§ WORK ITEM
Below are entries; tally how many lines hold the string "landing" and answer with only that figure.

Stored items
--------------------

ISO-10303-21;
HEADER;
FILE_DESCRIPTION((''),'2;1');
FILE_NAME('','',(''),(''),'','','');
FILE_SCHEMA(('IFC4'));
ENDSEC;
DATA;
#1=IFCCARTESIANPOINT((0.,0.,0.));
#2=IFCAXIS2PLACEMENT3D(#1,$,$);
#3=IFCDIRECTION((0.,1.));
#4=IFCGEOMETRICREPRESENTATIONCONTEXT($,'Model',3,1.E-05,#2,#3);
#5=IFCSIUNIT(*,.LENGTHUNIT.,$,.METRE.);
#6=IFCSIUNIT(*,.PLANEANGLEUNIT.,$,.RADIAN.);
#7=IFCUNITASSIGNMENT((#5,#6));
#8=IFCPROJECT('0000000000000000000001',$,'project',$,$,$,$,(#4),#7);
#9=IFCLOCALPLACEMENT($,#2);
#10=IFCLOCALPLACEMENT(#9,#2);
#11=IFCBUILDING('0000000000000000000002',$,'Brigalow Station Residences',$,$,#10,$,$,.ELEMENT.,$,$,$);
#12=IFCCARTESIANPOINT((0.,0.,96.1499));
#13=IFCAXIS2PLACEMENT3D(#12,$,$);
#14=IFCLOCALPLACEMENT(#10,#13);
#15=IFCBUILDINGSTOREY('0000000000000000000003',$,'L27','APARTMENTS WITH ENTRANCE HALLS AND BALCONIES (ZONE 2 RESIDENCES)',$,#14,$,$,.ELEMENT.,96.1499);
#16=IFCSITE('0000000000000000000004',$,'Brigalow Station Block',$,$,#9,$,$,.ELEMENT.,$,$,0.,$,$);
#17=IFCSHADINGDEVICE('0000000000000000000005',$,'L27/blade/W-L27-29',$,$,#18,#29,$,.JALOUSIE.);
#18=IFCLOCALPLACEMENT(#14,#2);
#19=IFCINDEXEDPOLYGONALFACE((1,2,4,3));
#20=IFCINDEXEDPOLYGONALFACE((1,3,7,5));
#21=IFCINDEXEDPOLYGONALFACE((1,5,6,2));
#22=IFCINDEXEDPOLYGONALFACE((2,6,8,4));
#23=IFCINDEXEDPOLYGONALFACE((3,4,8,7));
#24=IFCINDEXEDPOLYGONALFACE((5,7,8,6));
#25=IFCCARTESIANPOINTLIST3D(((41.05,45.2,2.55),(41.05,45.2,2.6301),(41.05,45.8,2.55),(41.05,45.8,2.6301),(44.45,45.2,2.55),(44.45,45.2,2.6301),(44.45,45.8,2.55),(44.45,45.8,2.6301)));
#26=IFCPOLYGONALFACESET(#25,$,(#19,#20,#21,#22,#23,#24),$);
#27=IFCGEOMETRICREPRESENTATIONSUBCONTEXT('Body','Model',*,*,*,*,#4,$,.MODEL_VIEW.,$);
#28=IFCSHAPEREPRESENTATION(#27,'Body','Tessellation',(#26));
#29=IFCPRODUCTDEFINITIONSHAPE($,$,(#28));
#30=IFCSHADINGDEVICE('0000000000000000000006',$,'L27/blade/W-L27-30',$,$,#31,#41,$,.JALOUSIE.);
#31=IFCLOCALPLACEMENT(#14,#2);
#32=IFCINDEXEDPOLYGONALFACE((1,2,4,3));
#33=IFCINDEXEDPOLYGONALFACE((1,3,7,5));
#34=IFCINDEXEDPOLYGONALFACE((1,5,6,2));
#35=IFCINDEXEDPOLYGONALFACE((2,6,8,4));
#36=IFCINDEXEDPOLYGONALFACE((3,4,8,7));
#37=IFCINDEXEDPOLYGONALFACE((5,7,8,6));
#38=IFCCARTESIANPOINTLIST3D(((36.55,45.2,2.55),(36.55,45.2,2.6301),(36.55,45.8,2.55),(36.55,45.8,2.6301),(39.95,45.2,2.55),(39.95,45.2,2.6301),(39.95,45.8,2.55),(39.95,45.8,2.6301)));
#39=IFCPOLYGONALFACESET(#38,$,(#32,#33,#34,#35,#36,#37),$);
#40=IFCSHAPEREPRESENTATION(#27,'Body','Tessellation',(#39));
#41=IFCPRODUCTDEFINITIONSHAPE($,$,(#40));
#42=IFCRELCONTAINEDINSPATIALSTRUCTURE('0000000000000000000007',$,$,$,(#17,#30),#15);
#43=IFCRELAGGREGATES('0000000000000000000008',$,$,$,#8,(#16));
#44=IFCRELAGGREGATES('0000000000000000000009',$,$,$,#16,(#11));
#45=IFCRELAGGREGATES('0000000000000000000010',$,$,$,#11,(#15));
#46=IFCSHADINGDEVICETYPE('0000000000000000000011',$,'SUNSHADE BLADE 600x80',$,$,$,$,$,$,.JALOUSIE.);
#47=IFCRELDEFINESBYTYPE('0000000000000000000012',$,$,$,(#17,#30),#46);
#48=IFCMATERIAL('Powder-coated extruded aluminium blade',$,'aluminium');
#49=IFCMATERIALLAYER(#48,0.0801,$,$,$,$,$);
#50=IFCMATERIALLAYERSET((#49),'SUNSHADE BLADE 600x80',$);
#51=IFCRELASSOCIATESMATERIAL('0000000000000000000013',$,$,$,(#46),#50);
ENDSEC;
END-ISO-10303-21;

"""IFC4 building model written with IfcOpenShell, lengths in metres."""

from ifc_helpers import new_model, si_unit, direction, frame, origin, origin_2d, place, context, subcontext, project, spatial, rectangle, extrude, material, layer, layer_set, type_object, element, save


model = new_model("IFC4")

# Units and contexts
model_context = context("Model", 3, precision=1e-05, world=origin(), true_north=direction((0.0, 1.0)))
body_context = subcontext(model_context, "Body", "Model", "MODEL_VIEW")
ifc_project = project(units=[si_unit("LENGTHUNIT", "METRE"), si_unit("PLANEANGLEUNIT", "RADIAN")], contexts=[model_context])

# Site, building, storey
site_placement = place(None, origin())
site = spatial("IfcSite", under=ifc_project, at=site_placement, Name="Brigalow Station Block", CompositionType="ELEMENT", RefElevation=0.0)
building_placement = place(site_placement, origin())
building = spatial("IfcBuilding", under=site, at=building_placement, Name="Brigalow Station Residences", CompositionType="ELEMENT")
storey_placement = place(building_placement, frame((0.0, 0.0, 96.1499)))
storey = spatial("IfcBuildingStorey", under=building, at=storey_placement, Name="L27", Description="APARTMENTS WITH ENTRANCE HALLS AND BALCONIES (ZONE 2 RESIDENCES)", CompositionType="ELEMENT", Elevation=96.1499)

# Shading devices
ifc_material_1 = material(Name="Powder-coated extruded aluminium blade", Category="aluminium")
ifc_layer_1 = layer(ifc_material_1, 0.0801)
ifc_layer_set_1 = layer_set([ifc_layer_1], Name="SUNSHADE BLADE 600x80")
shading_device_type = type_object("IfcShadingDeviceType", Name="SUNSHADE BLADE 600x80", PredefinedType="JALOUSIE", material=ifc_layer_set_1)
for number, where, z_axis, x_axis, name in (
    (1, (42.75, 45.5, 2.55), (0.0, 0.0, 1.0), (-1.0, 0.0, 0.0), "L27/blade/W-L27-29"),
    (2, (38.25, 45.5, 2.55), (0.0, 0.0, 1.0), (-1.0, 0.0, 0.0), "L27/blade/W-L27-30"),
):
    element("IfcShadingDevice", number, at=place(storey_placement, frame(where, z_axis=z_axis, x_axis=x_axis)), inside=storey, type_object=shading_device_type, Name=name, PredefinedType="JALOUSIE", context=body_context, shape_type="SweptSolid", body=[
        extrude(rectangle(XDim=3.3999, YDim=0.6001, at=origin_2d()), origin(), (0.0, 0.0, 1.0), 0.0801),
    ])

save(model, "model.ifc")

--------------------

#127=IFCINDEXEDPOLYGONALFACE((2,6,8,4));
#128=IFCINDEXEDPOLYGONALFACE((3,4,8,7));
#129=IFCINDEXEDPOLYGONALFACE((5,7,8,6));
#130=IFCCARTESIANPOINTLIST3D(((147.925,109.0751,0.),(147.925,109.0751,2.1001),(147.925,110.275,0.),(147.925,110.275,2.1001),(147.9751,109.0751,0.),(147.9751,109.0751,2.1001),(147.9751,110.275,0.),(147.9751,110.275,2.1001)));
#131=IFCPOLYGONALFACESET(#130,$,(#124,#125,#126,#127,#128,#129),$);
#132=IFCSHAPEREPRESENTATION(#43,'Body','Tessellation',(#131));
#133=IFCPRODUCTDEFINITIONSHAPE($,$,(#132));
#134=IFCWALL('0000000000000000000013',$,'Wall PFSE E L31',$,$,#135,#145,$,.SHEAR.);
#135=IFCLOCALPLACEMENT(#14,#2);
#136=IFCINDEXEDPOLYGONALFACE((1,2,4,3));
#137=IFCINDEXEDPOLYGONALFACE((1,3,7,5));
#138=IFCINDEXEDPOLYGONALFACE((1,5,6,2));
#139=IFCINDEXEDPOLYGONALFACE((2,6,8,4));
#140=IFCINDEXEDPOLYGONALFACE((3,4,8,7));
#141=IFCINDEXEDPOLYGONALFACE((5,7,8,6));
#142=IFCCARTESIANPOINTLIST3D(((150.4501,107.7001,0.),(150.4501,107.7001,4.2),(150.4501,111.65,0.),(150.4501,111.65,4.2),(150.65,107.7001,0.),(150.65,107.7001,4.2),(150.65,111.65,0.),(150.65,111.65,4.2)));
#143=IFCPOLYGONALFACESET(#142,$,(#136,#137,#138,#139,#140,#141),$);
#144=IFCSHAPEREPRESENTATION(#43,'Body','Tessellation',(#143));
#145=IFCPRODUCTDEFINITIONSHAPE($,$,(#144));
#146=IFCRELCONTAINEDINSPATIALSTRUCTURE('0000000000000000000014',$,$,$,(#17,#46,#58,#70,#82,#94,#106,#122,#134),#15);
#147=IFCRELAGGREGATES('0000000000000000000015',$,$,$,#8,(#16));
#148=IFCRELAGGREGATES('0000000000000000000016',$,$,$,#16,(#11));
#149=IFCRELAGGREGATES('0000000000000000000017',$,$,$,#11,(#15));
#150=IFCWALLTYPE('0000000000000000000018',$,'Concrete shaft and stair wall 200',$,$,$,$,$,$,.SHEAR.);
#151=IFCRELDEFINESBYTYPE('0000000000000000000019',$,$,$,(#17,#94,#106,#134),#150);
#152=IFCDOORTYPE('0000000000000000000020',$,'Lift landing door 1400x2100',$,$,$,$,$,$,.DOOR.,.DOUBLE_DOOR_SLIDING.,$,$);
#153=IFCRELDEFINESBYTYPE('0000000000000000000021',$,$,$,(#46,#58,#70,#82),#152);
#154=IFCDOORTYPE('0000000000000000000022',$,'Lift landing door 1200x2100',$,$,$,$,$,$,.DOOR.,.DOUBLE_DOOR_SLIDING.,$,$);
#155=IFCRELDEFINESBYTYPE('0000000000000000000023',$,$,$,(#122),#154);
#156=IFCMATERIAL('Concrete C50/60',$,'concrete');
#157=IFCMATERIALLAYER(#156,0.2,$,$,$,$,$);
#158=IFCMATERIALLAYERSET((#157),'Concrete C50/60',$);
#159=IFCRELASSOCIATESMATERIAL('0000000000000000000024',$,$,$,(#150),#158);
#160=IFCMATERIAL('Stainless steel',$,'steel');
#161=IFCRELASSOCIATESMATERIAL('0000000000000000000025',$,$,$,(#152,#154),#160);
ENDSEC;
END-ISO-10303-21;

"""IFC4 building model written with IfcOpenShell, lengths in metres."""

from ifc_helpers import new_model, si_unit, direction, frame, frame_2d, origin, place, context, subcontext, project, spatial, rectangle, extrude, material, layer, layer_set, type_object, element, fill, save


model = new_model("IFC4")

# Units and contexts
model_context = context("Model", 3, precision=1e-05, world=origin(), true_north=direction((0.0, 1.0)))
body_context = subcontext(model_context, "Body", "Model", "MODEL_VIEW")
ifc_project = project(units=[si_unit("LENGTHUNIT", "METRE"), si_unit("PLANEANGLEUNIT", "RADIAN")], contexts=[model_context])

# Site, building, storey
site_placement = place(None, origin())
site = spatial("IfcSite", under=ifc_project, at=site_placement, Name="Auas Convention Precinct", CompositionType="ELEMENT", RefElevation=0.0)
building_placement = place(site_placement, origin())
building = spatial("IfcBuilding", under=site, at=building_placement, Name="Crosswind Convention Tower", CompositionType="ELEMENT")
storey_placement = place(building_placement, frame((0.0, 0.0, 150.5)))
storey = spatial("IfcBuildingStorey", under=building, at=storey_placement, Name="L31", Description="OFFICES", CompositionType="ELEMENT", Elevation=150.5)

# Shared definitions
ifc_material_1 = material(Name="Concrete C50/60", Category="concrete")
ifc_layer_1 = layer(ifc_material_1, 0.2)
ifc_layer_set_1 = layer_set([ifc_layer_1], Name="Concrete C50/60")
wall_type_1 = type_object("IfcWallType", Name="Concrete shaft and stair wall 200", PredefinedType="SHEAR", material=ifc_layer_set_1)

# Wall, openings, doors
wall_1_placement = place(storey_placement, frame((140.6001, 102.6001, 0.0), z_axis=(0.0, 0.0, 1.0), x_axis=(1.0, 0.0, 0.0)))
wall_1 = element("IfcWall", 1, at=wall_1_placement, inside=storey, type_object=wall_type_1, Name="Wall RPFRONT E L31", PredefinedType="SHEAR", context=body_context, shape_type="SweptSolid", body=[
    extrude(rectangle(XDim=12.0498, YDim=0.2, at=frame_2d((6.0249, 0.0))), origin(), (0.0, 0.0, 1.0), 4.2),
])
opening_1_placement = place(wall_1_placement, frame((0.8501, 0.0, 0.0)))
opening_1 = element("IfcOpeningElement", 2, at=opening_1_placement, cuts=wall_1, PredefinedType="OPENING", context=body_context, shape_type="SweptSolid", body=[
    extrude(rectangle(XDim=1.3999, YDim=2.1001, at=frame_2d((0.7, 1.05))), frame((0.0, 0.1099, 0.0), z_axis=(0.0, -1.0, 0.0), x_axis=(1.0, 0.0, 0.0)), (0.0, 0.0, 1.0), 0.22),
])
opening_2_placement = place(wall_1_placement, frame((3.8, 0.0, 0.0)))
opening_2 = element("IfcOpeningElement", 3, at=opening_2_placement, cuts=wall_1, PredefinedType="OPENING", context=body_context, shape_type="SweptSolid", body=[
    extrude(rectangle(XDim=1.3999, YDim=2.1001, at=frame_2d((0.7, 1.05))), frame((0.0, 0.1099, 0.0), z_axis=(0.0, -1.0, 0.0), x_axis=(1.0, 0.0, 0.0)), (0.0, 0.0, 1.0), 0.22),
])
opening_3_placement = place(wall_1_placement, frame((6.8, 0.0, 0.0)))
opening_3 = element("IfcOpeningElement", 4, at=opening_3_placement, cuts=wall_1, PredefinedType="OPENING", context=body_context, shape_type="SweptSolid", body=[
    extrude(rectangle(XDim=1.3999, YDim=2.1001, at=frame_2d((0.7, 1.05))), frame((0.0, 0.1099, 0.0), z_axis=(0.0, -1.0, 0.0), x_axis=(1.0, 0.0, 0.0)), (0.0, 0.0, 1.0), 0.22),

--------------------

§ EXERCISE RESULT
2